# Instructions to follow:
Instruction for the data below: set down exactly the lines from the line with "#26=IFCPOLYGONALFACESET(#25,$,(#19,#20,#21,#22,#23,#24),$);" to the line with "#29=IFCPRODUCTDEFINITIONSHAPE($,$,(#28));", inclusive, and no others.
··········
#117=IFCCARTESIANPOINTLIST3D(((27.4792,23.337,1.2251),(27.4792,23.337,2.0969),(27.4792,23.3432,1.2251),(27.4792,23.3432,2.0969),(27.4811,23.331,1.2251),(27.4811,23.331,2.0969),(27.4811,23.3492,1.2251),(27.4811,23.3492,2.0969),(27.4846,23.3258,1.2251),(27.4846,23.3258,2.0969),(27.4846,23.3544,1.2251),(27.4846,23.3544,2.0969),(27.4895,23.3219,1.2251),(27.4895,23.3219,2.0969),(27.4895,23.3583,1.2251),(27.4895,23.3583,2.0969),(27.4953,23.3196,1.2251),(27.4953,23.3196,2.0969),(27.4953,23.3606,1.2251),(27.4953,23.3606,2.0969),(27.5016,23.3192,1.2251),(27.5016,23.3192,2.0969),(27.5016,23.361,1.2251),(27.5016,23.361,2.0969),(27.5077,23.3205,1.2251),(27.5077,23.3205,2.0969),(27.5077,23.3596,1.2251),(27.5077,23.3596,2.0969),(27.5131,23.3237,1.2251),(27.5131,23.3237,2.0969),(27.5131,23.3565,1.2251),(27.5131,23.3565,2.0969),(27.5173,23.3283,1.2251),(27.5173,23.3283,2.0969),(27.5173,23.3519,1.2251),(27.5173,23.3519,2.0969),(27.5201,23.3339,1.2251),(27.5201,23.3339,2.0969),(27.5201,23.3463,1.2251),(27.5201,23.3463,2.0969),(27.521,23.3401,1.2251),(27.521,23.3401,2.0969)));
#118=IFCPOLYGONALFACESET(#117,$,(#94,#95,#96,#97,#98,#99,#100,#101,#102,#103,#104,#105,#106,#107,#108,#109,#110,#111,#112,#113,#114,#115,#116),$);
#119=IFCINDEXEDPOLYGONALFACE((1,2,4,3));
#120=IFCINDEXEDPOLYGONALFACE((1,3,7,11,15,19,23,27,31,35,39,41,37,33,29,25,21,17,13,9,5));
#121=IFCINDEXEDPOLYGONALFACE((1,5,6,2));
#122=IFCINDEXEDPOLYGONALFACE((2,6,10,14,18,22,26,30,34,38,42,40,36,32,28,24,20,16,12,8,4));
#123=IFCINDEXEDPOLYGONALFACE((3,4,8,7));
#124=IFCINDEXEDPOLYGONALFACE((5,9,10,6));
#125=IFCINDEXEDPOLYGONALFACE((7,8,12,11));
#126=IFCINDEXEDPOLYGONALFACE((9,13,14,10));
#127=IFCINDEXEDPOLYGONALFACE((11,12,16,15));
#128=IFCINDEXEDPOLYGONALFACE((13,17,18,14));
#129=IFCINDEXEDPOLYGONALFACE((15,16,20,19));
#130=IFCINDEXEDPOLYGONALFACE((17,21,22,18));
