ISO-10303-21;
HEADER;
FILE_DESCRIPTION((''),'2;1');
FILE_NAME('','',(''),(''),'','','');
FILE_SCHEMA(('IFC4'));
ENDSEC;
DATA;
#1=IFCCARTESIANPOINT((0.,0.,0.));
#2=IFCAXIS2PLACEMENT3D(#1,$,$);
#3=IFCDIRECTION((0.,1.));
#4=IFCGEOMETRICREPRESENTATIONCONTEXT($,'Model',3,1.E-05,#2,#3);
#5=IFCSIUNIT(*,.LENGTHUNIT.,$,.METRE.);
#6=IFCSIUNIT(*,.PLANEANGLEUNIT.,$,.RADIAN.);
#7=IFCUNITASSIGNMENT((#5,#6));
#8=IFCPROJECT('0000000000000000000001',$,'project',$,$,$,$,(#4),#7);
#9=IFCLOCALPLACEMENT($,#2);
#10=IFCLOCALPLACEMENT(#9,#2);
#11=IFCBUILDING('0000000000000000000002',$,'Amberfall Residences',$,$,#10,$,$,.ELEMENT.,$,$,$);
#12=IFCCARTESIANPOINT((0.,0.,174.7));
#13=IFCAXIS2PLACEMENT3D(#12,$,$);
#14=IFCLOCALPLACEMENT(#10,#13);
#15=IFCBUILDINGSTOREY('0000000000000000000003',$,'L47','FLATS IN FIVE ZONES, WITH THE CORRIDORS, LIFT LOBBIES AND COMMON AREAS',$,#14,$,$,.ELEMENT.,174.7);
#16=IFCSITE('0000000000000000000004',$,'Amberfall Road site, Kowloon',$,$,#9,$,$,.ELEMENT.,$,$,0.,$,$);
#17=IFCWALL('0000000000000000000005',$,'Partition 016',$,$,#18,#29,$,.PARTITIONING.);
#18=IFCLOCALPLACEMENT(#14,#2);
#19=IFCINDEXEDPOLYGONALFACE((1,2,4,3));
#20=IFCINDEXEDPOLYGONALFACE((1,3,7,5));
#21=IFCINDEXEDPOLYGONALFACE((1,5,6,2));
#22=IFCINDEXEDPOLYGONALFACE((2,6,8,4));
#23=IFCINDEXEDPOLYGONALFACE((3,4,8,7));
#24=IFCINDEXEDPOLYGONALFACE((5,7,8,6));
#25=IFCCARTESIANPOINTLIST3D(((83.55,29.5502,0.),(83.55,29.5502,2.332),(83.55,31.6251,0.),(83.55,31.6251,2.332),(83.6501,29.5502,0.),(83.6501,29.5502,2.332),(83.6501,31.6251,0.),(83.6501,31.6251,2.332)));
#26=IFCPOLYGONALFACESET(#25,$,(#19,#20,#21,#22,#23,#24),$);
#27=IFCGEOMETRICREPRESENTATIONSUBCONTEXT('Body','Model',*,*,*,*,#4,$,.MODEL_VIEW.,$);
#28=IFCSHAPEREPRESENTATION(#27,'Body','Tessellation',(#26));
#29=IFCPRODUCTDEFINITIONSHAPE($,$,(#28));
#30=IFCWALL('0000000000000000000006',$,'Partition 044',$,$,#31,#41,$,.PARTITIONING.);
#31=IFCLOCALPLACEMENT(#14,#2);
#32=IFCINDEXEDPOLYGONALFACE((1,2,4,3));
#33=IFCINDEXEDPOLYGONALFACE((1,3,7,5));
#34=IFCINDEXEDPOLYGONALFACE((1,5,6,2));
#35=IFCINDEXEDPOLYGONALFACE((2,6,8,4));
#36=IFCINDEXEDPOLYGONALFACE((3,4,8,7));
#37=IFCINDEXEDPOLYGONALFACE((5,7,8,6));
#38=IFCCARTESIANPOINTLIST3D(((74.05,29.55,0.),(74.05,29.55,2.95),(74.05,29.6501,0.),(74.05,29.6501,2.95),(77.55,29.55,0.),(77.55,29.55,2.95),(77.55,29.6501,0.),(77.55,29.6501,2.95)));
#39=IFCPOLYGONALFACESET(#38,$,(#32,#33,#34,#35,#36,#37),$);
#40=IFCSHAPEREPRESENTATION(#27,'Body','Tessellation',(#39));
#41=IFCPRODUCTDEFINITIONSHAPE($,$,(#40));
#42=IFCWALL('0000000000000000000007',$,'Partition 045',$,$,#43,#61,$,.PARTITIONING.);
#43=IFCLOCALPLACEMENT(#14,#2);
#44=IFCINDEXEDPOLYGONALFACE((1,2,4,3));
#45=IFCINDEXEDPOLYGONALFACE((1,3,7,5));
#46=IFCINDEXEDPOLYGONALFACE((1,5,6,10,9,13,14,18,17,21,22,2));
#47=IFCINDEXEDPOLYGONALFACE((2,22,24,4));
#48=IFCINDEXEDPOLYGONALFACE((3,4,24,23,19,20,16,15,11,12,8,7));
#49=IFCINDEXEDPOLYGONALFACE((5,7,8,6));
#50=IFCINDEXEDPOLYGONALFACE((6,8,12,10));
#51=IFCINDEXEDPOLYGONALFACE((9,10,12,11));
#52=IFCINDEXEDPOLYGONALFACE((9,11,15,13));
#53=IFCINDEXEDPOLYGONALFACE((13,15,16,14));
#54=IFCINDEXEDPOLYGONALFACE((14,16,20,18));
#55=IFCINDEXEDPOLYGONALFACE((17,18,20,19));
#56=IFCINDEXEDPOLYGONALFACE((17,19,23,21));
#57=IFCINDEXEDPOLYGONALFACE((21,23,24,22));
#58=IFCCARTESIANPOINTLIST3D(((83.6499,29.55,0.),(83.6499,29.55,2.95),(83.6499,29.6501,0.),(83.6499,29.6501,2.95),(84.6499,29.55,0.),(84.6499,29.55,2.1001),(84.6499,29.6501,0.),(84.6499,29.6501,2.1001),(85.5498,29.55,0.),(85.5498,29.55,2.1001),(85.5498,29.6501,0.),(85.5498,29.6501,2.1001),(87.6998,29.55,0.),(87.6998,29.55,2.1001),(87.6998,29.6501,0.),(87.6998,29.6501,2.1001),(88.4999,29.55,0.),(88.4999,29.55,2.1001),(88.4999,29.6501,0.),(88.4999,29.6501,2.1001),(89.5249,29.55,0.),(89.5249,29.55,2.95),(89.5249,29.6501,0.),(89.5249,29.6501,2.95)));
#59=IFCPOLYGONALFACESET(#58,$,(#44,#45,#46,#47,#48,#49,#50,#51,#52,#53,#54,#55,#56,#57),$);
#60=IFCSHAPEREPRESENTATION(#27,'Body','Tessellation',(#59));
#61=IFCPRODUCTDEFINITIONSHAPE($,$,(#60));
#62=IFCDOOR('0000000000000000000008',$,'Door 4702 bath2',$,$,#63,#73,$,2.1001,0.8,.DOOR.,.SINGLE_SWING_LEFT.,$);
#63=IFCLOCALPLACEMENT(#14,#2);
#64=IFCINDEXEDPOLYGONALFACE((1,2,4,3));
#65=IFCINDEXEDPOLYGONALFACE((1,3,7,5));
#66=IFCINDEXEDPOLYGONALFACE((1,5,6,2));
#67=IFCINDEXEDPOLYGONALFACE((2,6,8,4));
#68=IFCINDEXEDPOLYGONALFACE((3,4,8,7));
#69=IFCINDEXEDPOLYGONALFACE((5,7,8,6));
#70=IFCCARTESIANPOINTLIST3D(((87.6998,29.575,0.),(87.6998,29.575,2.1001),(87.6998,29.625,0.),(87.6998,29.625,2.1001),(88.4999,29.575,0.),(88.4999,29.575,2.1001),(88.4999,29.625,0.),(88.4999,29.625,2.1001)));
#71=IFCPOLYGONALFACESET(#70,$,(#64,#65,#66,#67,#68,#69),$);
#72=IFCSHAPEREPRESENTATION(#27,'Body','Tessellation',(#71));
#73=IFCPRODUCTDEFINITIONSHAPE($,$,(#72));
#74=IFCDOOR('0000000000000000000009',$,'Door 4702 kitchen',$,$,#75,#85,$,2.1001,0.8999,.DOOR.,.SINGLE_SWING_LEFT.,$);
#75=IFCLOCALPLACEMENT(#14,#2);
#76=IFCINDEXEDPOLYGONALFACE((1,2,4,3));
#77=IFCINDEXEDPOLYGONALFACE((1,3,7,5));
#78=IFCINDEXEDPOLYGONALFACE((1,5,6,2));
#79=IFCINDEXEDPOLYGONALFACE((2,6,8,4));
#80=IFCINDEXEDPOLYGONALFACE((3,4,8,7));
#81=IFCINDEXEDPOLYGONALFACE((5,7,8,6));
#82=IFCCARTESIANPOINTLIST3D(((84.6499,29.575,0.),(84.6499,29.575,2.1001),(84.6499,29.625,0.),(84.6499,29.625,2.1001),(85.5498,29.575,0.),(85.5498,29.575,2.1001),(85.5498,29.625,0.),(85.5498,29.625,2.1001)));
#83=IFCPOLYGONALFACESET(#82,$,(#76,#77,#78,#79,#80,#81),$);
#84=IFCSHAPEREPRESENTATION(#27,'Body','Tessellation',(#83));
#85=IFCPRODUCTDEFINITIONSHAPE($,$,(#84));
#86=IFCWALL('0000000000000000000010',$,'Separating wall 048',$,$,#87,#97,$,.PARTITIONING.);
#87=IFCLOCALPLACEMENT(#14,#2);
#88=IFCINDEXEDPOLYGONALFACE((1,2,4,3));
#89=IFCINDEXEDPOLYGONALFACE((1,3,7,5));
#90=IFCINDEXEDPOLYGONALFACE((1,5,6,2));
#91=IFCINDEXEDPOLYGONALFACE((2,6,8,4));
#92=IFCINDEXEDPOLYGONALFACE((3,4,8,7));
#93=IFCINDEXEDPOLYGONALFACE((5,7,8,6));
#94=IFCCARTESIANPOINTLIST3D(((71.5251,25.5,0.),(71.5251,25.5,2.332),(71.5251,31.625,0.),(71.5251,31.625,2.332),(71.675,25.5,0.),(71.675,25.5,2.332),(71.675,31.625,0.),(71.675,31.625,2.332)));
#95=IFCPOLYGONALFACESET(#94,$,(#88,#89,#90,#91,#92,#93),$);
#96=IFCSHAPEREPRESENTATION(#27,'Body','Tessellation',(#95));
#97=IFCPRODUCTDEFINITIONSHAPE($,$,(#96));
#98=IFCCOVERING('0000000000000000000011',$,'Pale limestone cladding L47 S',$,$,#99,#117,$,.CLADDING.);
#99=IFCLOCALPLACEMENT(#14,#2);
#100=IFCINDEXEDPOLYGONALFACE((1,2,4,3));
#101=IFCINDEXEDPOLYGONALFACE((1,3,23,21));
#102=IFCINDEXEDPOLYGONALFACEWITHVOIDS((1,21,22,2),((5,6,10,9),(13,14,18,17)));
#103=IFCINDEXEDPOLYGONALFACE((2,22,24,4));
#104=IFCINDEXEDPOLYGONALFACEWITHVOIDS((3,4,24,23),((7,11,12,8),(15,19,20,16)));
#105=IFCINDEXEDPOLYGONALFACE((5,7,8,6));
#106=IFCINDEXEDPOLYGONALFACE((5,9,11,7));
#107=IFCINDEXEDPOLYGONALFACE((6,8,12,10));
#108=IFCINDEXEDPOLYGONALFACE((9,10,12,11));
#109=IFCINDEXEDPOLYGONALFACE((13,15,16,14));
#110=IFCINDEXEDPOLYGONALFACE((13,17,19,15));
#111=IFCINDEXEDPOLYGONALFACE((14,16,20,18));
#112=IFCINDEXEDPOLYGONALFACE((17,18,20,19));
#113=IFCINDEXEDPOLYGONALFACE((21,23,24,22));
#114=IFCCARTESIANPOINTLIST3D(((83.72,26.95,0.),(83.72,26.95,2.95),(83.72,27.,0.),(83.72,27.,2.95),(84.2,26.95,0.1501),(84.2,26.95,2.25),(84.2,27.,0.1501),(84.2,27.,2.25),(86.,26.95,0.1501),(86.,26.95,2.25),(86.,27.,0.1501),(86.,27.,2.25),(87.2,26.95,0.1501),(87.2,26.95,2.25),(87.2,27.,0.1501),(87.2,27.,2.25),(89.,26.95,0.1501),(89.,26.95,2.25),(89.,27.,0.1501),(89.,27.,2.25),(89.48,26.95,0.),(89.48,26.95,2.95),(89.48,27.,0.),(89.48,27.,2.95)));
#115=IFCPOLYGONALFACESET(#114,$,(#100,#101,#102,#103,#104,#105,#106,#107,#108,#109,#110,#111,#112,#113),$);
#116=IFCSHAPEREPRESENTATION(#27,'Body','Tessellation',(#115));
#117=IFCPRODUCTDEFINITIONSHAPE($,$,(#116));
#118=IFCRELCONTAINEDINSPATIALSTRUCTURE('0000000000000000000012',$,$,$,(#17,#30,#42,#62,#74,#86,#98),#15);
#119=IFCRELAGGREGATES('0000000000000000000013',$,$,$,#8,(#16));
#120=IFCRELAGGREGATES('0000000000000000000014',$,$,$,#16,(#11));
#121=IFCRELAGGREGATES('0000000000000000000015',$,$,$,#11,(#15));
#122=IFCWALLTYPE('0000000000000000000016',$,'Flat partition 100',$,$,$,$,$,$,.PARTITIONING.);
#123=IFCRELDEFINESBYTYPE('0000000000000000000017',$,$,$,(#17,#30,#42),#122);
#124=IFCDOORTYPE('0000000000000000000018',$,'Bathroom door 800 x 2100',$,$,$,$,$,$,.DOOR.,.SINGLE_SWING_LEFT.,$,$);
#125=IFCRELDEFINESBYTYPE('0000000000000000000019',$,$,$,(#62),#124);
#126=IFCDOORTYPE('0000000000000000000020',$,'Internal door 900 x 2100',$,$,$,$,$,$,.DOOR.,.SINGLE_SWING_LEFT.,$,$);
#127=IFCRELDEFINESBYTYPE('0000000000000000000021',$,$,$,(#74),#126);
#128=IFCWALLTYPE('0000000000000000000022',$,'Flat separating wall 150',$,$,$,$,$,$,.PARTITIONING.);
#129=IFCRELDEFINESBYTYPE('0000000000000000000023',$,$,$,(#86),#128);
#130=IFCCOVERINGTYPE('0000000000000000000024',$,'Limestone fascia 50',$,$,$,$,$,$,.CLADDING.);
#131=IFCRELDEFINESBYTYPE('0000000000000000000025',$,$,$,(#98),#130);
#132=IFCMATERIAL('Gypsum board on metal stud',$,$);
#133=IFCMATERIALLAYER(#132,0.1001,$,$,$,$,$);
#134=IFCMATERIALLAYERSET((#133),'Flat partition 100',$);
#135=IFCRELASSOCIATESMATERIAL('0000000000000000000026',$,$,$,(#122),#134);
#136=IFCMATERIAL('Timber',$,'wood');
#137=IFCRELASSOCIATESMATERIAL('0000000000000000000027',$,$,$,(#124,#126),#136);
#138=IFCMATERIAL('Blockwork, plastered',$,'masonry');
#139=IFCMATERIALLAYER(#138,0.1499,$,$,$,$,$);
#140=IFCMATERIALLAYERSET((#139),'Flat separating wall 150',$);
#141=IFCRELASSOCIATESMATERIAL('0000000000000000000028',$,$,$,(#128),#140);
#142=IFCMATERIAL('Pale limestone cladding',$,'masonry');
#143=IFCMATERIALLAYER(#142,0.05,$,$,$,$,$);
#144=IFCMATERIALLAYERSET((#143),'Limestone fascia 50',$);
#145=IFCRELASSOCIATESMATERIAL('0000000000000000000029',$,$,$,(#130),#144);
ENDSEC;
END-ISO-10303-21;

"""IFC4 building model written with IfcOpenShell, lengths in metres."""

from ifc_helpers import new_model, si_unit, direction, frame, frame_2d, origin, place, context, subcontext, project, spatial, polyline, rectangle, outline, extrude, material, layer, layer_set, type_object, element, fill, save


model = new_model("IFC4")

# Units and contexts
model_context = context("Model", 3, precision=1e-05, world=origin(), true_north=direction((0.0, 1.0)))
body_context = subcontext(model_context, "Body", "Model", "MODEL_VIEW")
ifc_project = project(units=[si_unit("LENGTHUNIT", "METRE"), si_unit("PLANEANGLEUNIT", "RADIAN")], contexts=[model_context])

# Site, building, storey
site_placement = place(None, origin())
site = spatial("IfcSite", under=ifc_project, at=site_placement, Name="Amberfall Road site, Kowloon", CompositionType="ELEMENT", RefElevation=0.0)
building_placement = place(site_placement, origin())
building = spatial("IfcBuilding", under=site, at=building_placement, Name="Amberfall Residences", CompositionType="ELEMENT")
storey_placement = place(building_placement, frame((0.0, 0.0, 174.7)))
storey = spatial("IfcBuildingStorey", under=building, at=storey_placement, Name="L47", Description="FLATS IN FIVE ZONES, WITH THE CORRIDORS, LIFT LOBBIES AND COMMON AREAS", CompositionType="ELEMENT", Elevation=174.7)

# Shared definitions
ifc_material_1 = material(Name="Gypsum board on metal stud")
ifc_layer_1 = layer(ifc_material_1, 0.1001)
ifc_layer_set_1 = layer_set([ifc_layer_1], Name="Flat partition 100")
wall_type_1 = type_object("IfcWallType", Name="Flat partition 100", PredefinedType="PARTITIONING", material=ifc_layer_set_1)

# Shared definitions
ifc_material_2 = material(Name="Timber", Category="wood")
door_type_1 = type_object("IfcDoorType", Name="Bathroom door 800 x 2100", OperationType="SINGLE_SWING_LEFT", PredefinedType="DOOR", material=ifc_material_2)
door_type_2 = type_object("IfcDoorType", Name="Internal door 900 x 2100", OperationType="SINGLE_SWING_LEFT", PredefinedType="DOOR", material=ifc_material_2)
··········
# Exercise solution:
#26=IFCPOLYGONALFACESET(#25,$,(#19,#20,#21,#22,#23,#24),$);
#27=IFCGEOMETRICREPRESENTATIONSUBCONTEXT('Body','Model',*,*,*,*,#4,$,.MODEL_VIEW.,$);
#28=IFCSHAPEREPRESENTATION(#27,'Body','Tessellation',(#26));
#29=IFCPRODUCTDEFINITIONSHAPE($,$,(#28));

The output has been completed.